## What this task involves
Repeat exactly, and only, the lines from the one holding "#88=IFCSHAPEREPRESENTATION(#29,'Body','Tessellation',(#87));" through the last line of the records below.

## Provided records
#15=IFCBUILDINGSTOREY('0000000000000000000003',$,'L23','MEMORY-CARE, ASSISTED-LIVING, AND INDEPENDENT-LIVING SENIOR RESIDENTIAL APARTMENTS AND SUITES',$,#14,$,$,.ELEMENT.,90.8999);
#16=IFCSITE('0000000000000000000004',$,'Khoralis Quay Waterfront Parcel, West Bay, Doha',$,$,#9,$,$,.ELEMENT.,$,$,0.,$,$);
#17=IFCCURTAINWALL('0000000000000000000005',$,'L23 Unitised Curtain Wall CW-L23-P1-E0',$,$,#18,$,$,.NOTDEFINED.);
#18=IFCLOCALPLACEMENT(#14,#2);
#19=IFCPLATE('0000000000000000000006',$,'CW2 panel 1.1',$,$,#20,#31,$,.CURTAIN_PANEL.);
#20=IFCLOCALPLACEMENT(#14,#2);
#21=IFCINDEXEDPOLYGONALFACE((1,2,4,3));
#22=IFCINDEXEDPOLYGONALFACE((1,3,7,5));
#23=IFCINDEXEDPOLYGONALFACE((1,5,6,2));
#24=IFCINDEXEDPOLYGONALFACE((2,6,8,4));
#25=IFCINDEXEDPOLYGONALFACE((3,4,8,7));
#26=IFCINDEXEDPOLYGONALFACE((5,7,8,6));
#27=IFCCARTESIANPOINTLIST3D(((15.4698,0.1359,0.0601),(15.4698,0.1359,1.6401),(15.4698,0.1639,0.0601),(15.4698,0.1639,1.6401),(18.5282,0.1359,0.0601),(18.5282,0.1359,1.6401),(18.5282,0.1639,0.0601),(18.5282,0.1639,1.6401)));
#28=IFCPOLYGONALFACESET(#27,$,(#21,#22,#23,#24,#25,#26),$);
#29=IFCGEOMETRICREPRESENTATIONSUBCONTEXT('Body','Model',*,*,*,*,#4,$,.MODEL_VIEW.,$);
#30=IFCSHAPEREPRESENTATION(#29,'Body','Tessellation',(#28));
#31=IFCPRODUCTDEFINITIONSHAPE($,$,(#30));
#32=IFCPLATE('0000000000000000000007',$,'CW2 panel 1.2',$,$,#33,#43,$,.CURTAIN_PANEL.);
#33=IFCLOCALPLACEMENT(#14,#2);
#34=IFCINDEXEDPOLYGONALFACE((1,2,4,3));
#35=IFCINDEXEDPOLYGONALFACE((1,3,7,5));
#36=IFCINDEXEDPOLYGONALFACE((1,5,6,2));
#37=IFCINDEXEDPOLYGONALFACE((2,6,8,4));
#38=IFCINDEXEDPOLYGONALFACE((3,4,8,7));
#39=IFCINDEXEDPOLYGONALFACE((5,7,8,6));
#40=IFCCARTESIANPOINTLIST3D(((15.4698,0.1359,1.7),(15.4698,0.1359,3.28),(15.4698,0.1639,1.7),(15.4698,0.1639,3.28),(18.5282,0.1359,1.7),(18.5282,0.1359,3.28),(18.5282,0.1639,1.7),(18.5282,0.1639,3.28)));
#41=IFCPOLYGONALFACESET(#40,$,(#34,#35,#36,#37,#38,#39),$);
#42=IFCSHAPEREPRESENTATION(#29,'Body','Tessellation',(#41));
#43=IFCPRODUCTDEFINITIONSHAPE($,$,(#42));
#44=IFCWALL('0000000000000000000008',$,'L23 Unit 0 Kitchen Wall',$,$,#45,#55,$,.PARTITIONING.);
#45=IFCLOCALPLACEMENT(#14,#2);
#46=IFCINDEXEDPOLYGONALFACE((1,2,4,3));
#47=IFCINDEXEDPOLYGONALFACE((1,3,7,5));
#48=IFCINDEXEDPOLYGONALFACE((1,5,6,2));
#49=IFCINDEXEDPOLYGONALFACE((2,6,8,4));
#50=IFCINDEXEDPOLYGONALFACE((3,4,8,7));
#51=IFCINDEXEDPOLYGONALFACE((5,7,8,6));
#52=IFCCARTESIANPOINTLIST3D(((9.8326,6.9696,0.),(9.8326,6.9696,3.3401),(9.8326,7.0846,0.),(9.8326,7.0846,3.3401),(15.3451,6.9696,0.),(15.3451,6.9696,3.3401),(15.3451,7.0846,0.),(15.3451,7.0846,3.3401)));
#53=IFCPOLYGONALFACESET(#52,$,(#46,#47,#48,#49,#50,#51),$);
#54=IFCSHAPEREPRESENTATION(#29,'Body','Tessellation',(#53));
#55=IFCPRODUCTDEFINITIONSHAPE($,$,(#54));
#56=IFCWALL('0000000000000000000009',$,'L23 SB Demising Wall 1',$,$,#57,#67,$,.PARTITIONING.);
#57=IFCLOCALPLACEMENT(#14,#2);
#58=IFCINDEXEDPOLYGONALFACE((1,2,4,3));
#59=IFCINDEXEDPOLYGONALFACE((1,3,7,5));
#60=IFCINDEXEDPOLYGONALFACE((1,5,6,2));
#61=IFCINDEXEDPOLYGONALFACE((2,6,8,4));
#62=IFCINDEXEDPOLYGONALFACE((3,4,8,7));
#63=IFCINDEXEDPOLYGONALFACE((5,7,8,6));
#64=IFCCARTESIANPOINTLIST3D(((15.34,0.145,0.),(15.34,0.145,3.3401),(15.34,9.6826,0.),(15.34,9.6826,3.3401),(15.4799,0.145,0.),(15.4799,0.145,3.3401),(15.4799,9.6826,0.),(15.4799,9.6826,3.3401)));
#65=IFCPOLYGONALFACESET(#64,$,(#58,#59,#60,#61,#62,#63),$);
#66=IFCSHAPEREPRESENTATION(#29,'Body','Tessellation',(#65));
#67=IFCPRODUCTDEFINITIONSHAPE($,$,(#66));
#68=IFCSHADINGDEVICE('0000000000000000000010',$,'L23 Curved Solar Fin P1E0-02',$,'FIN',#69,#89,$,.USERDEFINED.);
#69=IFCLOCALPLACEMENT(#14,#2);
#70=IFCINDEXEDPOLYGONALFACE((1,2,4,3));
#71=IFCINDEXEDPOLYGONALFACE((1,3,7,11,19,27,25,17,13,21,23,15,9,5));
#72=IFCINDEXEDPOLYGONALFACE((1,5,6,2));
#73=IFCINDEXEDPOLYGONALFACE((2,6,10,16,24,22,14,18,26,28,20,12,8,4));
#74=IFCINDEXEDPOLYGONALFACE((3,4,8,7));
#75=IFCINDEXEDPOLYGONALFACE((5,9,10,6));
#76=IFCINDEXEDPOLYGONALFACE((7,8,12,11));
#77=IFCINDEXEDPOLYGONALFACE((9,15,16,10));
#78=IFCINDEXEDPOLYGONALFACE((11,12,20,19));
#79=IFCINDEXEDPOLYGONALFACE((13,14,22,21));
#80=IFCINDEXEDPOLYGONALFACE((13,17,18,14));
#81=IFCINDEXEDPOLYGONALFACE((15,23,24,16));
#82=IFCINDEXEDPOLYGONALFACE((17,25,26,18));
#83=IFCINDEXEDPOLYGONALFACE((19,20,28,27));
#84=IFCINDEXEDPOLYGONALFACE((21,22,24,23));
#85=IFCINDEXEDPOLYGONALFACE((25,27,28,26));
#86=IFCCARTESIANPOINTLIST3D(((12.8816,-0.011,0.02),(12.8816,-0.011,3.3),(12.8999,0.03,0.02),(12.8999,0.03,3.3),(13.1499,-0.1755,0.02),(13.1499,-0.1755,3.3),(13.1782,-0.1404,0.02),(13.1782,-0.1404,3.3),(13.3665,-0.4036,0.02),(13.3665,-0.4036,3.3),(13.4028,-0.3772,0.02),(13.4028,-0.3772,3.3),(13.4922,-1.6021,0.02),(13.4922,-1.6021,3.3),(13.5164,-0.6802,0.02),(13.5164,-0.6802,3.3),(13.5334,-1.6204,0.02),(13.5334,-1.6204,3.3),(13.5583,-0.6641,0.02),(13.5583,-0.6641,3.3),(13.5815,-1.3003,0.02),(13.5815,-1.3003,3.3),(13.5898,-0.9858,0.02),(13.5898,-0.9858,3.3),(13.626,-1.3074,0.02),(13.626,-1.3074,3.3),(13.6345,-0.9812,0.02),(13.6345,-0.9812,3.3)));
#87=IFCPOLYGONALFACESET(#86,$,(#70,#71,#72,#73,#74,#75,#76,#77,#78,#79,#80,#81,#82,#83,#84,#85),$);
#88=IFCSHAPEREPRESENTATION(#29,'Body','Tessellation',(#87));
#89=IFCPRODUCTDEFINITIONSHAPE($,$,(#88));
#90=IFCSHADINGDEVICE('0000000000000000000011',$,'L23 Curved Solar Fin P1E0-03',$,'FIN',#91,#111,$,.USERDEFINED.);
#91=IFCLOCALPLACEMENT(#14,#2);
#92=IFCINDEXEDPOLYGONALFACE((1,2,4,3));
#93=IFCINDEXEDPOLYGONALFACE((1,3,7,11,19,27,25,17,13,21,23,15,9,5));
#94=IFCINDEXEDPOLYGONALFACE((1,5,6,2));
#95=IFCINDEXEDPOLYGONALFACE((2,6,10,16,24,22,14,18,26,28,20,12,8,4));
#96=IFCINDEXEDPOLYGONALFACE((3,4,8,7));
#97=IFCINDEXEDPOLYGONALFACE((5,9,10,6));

## Written answer
#88=IFCSHAPEREPRESENTATION(#29,'Body','Tessellation',(#87));
#89=IFCPRODUCTDEFINITIONSHAPE($,$,(#88));
#90=IFCSHADINGDEVICE('0000000000000000000011',$,'L23 Curved Solar Fin P1E0-03',$,'FIN',#91,#111,$,.USERDEFINED.);
#91=IFCLOCALPLACEMENT(#14,#2);
#92=IFCINDEXEDPOLYGONALFACE((1,2,4,3));
#93=IFCINDEXEDPOLYGONALFACE((1,3,7,11,19,27,25,17,13,21,23,15,9,5));
#94=IFCINDEXEDPOLYGONALFACE((1,5,6,2));
#95=IFCINDEXEDPOLYGONALFACE((2,6,10,16,24,22,14,18,26,28,20,12,8,4));
#96=IFCINDEXEDPOLYGONALFACE((3,4,8,7));
#97=IFCINDEXEDPOLYGONALFACE((5,9,10,6));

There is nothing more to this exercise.